• [TASK OBJECTIVE]: Give the count of lines below that include the word "where", and say nothing else.

[Stored items]
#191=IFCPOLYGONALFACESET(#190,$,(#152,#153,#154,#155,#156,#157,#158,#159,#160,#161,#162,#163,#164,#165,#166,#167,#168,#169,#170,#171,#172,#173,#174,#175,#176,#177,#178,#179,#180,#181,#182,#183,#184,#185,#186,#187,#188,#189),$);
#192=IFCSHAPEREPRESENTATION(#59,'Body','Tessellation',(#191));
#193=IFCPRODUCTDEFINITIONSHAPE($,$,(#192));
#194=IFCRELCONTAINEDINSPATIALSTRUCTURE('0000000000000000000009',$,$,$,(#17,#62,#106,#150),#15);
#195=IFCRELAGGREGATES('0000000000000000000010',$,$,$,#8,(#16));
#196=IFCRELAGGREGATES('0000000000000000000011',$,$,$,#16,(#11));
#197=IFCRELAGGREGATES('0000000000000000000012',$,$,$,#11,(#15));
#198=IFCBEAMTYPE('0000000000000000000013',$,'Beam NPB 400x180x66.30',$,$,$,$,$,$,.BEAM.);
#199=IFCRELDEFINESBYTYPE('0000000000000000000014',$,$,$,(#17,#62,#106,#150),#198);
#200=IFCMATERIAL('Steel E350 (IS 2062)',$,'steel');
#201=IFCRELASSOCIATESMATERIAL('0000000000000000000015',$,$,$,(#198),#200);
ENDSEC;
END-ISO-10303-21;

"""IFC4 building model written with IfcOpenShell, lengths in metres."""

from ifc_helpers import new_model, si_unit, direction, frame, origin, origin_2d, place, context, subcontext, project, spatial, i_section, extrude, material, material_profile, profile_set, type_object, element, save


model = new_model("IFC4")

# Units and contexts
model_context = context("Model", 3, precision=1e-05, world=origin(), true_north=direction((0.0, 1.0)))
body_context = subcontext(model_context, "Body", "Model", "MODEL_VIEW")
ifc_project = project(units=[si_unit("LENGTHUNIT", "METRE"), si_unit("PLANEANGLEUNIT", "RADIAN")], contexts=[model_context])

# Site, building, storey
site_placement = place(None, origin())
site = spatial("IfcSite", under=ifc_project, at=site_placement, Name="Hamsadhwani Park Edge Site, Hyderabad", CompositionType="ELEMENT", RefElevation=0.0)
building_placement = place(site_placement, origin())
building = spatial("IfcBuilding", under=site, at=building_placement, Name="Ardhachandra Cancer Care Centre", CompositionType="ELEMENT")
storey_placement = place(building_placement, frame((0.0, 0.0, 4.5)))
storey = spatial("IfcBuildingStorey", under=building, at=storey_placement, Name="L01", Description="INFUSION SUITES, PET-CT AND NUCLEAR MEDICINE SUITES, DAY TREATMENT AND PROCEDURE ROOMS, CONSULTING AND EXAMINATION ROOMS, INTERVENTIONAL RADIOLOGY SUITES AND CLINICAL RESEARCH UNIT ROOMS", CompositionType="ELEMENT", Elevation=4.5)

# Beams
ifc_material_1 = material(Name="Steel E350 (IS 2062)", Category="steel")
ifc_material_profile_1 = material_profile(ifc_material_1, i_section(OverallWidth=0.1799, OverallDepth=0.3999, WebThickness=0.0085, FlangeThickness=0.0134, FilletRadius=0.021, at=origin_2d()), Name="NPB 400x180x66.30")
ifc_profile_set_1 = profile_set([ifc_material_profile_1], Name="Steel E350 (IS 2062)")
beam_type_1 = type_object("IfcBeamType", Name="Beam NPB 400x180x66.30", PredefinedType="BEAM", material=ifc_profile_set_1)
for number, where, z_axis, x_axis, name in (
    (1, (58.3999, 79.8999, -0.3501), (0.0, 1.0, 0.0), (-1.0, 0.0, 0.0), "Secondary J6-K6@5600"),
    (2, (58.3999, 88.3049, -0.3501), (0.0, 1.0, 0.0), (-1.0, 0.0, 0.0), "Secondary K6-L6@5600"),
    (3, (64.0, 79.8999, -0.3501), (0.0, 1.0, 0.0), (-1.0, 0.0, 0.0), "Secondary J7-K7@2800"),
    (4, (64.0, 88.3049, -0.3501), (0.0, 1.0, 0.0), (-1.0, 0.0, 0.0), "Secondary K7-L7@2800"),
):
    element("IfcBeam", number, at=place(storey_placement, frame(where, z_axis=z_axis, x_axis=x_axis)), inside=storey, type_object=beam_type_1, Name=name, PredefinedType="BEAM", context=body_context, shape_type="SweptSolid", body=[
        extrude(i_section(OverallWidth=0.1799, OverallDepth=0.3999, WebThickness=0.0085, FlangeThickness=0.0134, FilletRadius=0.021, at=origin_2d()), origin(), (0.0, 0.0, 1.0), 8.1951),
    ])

• [RESPONSE TO THIS TASK]: 2